## Stored records

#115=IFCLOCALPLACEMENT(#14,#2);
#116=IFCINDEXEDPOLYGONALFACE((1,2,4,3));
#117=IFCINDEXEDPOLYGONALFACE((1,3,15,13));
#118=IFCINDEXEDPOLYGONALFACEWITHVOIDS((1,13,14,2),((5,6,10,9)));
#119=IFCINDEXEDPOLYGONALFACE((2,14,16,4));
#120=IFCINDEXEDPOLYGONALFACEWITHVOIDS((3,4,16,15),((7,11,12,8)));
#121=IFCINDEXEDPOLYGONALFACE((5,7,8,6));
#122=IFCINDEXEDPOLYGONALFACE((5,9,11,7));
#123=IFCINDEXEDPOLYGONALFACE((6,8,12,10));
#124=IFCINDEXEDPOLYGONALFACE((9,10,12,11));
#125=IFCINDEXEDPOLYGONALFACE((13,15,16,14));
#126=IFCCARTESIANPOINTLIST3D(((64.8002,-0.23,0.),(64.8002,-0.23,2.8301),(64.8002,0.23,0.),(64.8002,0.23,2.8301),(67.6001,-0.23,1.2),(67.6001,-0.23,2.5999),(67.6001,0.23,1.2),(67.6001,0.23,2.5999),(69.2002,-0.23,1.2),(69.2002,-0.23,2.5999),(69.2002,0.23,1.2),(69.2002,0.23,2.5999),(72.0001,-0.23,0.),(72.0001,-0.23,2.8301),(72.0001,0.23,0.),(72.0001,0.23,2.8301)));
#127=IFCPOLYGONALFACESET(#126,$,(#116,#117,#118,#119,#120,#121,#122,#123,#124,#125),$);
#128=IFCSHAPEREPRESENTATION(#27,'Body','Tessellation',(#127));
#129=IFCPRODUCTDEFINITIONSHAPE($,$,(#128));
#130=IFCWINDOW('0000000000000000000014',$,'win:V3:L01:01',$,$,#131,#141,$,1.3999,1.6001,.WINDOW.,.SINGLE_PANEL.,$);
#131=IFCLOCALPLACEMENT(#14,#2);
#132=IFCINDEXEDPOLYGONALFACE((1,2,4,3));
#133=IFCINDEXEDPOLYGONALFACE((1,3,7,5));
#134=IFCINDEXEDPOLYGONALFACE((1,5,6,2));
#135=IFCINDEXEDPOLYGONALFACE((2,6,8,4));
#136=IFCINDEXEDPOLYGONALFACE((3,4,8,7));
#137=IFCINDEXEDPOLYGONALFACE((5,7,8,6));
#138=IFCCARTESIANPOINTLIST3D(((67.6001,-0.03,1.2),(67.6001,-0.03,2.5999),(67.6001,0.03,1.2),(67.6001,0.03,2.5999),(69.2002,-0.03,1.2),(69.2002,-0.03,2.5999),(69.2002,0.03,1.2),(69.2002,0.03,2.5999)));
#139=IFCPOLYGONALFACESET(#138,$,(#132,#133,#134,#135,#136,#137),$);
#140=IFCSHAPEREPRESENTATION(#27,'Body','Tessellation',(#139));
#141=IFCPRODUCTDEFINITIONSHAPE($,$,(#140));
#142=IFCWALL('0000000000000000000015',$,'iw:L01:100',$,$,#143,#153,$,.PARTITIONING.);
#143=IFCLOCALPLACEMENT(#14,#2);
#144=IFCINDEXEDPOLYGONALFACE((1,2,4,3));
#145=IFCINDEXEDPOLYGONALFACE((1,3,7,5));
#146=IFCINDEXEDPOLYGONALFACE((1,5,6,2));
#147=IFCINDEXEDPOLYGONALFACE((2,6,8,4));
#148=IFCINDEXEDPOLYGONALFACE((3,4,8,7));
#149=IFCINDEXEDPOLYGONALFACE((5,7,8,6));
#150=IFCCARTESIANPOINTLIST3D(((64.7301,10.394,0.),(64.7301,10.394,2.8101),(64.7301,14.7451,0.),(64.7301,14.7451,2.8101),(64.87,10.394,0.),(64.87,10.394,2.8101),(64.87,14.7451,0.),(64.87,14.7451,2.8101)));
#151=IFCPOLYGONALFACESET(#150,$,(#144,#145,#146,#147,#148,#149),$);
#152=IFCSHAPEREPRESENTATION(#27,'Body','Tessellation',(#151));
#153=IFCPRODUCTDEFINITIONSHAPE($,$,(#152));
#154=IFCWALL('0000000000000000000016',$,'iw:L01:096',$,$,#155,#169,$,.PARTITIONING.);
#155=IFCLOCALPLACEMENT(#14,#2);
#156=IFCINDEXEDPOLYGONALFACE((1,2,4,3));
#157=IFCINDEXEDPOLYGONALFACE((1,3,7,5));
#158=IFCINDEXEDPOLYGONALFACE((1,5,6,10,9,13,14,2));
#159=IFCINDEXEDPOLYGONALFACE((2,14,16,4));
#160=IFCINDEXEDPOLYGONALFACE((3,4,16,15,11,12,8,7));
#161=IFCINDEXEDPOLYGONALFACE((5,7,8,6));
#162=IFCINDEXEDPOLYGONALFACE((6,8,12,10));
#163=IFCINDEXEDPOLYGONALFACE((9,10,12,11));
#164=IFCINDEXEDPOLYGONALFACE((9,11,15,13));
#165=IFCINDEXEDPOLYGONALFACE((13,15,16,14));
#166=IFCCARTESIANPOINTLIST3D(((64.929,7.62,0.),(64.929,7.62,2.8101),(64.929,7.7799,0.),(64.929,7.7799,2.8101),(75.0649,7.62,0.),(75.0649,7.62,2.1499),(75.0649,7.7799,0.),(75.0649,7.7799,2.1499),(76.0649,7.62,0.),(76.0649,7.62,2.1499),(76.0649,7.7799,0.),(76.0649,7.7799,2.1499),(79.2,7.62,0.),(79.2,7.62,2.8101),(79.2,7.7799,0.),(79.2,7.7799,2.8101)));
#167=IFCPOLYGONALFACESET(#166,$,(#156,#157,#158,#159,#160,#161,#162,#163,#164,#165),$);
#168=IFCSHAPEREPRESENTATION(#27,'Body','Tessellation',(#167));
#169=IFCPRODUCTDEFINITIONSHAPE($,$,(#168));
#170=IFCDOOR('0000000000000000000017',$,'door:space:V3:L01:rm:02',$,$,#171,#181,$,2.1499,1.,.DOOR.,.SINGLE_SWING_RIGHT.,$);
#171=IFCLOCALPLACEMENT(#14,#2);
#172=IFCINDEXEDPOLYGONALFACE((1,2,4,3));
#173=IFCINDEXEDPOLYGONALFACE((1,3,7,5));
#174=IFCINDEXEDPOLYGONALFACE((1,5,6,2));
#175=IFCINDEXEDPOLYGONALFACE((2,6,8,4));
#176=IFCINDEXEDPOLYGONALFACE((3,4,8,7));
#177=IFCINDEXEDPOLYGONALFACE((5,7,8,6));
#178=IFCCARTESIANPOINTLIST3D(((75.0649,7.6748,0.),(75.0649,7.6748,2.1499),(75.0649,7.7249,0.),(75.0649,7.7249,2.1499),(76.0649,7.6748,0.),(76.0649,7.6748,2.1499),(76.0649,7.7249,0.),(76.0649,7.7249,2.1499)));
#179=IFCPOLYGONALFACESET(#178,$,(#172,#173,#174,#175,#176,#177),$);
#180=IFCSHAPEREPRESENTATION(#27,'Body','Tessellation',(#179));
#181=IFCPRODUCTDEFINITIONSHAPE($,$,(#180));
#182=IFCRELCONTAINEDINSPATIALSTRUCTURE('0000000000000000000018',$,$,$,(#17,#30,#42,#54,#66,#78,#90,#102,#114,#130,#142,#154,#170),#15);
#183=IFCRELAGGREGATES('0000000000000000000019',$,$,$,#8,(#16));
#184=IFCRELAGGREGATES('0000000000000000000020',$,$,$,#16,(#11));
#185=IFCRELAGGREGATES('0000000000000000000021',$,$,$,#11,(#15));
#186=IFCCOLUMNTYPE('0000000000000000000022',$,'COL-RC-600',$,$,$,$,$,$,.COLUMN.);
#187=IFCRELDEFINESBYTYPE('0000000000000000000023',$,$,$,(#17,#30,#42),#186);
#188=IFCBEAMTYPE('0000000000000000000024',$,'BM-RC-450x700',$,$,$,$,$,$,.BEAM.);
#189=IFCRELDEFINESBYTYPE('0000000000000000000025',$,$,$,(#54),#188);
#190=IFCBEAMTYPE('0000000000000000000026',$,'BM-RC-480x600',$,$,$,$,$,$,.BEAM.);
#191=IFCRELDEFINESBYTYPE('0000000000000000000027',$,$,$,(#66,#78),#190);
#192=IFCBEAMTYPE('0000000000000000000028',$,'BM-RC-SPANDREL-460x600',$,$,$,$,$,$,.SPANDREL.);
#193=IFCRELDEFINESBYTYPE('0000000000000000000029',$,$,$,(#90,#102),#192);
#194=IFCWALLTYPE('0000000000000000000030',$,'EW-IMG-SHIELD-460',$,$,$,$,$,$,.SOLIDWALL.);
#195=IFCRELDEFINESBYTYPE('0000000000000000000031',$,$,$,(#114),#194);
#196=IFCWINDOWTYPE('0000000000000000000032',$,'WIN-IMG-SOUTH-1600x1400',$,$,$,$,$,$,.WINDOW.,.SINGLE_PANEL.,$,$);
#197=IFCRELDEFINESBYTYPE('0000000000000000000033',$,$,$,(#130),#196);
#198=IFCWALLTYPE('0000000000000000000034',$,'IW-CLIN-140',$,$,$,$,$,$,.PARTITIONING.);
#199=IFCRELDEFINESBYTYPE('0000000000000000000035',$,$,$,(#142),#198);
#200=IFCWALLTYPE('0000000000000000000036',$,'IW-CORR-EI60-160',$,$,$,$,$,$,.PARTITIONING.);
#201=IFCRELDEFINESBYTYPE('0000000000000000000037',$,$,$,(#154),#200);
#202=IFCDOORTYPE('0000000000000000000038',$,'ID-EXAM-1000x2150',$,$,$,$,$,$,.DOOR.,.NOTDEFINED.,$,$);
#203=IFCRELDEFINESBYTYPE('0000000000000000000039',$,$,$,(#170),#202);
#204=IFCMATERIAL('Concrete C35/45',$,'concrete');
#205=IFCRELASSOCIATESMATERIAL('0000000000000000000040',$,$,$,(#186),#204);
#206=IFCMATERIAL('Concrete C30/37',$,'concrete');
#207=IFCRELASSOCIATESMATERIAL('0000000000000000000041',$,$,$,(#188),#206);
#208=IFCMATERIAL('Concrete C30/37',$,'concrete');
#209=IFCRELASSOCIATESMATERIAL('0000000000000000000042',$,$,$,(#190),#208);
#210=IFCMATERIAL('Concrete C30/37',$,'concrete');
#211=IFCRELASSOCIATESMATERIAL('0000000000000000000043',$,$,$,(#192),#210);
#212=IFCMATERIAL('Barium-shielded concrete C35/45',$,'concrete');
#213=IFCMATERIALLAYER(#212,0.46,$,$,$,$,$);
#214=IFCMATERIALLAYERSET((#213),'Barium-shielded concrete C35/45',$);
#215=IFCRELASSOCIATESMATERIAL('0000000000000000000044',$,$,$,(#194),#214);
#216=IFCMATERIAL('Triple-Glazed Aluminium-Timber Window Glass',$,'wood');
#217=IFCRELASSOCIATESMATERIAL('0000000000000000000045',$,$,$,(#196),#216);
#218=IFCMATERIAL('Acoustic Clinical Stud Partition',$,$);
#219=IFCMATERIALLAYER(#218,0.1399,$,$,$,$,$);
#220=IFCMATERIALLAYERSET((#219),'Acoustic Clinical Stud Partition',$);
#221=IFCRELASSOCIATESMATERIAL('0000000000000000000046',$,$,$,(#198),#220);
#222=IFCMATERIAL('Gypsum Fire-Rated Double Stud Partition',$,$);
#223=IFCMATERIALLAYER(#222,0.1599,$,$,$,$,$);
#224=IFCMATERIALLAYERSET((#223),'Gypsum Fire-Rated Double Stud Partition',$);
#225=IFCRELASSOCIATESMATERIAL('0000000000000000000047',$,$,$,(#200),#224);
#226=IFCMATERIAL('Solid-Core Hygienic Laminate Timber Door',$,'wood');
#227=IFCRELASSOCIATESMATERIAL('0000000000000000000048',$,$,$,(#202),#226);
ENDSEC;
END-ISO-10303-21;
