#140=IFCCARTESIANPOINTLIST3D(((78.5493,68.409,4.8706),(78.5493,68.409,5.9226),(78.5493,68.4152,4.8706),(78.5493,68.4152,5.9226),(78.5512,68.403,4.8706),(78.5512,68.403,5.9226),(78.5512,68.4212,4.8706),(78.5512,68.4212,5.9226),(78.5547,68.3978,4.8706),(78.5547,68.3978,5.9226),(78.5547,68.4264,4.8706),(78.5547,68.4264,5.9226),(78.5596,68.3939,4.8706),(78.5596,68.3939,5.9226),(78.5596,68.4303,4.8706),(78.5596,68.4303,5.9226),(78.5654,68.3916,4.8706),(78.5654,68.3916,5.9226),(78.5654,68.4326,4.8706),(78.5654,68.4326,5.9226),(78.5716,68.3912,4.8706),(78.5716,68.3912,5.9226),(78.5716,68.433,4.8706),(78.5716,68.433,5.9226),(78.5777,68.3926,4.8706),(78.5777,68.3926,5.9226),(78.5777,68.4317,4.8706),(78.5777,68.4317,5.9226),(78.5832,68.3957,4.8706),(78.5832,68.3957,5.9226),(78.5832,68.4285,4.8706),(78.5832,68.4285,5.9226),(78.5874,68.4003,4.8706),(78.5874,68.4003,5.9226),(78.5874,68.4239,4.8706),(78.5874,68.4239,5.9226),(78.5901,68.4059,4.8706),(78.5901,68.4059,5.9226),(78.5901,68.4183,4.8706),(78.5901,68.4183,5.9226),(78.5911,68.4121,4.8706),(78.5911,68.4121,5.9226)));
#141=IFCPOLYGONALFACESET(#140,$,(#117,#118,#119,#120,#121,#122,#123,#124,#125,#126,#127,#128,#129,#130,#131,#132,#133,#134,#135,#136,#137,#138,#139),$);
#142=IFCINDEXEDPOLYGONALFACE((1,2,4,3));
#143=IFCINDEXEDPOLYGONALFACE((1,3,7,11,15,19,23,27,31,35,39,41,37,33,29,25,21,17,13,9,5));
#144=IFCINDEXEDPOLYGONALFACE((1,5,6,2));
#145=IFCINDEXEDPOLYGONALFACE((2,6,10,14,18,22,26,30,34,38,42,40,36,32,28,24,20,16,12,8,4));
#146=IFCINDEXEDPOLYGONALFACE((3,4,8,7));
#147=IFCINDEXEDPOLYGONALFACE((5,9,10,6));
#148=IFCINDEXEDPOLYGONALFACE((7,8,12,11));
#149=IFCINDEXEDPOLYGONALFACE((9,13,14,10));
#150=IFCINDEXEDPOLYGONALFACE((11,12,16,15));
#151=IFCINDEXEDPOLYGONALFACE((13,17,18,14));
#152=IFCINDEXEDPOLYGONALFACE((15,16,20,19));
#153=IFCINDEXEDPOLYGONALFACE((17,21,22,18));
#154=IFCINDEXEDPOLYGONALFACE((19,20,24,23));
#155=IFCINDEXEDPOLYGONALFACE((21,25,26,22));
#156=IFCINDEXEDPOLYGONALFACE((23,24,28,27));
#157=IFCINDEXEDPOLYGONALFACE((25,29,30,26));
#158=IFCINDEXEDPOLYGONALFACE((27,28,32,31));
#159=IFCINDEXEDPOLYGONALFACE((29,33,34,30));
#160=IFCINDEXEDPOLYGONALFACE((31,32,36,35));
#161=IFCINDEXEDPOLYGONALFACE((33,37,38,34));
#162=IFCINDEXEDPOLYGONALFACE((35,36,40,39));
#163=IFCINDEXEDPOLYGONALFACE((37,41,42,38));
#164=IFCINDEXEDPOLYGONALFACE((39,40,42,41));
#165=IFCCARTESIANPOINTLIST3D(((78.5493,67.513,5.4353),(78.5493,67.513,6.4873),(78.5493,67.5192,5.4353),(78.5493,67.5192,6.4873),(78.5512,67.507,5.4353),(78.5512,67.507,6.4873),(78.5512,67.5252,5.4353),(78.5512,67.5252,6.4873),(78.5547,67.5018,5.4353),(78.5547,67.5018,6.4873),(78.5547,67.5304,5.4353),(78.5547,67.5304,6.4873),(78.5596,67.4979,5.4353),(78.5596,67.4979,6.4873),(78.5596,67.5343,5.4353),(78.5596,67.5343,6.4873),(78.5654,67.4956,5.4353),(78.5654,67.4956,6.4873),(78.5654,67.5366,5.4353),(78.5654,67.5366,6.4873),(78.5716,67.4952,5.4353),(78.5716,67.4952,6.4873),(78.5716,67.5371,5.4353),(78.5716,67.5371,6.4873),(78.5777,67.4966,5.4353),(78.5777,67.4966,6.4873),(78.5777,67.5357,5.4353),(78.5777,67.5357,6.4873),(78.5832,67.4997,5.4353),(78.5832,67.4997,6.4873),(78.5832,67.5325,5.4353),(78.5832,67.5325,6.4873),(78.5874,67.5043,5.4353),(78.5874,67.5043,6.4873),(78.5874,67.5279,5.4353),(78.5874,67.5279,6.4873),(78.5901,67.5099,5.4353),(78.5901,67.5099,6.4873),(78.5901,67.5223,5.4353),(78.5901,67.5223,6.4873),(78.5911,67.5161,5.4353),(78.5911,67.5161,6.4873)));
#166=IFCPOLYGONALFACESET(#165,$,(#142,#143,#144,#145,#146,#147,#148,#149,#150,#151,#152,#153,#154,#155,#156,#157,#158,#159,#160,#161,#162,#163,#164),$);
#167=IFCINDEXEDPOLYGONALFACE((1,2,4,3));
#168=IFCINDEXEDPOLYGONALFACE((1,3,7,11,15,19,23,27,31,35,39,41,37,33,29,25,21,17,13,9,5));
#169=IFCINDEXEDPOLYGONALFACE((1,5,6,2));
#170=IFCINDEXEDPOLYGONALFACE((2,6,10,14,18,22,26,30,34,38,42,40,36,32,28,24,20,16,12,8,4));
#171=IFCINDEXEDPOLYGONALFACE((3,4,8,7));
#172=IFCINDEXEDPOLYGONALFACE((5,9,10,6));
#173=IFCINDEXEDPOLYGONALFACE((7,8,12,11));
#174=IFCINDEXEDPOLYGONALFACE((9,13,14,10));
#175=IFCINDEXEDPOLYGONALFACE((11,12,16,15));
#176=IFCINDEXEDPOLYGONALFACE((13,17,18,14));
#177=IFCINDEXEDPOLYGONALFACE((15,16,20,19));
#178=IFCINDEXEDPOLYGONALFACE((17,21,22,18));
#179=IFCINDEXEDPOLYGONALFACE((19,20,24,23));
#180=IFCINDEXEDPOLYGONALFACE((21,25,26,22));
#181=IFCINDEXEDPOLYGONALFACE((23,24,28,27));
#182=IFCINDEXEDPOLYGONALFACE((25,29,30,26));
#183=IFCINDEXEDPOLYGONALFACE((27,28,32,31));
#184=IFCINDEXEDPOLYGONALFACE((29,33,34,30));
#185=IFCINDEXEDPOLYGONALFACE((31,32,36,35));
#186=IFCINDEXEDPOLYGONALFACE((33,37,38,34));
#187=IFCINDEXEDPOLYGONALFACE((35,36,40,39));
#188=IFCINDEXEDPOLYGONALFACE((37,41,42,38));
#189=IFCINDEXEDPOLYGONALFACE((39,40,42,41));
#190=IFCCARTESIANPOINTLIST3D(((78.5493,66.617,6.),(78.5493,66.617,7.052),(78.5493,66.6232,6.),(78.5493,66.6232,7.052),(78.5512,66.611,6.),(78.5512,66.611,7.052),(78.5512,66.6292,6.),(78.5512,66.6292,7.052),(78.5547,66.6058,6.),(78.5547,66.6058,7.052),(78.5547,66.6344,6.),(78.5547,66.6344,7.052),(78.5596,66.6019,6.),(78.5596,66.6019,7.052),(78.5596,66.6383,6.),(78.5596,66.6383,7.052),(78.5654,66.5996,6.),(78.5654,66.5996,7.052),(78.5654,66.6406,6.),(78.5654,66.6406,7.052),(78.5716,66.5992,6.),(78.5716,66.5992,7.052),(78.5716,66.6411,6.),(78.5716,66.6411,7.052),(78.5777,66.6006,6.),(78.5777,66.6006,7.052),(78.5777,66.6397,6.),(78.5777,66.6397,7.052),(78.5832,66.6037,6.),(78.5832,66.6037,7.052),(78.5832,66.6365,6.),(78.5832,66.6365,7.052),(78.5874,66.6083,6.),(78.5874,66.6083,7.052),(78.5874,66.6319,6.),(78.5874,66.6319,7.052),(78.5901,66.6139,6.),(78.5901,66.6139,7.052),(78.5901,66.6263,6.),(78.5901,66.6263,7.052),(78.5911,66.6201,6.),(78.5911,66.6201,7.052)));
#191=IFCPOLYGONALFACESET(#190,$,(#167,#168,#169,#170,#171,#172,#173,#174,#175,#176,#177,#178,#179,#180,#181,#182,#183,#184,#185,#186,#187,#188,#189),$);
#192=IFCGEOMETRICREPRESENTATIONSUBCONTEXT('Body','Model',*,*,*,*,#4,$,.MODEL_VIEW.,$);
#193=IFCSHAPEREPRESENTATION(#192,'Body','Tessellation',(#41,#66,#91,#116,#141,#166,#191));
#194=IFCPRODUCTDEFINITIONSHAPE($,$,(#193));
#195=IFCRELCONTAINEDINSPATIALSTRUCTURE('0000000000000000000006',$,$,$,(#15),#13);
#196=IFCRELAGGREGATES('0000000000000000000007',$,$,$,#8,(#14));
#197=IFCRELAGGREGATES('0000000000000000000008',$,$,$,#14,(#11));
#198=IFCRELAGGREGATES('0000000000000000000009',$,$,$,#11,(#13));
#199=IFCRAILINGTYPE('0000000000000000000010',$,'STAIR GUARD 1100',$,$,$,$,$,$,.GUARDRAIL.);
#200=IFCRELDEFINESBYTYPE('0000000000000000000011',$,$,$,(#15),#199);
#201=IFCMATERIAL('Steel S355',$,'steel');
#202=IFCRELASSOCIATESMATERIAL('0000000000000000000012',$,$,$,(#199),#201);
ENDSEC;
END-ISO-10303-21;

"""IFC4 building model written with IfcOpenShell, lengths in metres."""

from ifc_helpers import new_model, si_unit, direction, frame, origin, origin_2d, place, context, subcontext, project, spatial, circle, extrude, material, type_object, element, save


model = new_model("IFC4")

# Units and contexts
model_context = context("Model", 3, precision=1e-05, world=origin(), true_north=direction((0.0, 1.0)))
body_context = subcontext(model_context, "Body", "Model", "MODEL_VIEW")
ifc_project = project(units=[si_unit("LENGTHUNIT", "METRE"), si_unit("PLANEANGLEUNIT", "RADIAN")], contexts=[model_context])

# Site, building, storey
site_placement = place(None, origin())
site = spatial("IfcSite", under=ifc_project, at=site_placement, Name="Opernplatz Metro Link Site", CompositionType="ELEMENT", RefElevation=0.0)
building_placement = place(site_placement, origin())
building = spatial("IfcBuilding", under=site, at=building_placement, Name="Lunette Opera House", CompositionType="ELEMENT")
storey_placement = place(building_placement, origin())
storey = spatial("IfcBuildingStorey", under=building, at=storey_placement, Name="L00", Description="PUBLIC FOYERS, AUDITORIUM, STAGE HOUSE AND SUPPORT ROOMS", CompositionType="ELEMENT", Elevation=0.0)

## EXERCISE INSTRUCTIONS
Could you copy exactly the lines from the first line of the records above through the line containing "#125=IFCINDEXEDPOLYGONALFACE((13,15,16,14));", both included, and nothing else?

## RESULT OF THIS TASK
#115=IFCLOCALPLACEMENT(#14,#2);
#116=IFCINDEXEDPOLYGONALFACE((1,2,4,3));
#117=IFCINDEXEDPOLYGONALFACE((1,3,15,13));
#118=IFCINDEXEDPOLYGONALFACEWITHVOIDS((1,13,14,2),((5,6,10,9)));
#119=IFCINDEXEDPOLYGONALFACE((2,14,16,4));
#120=IFCINDEXEDPOLYGONALFACEWITHVOIDS((3,4,16,15),((7,11,12,8)));
#121=IFCINDEXEDPOLYGONALFACE((5,7,8,6));
#122=IFCINDEXEDPOLYGONALFACE((5,9,11,7));
#123=IFCINDEXEDPOLYGONALFACE((6,8,12,10));
#124=IFCINDEXEDPOLYGONALFACE((9,10,12,11));
#125=IFCINDEXEDPOLYGONALFACE((13,15,16,14));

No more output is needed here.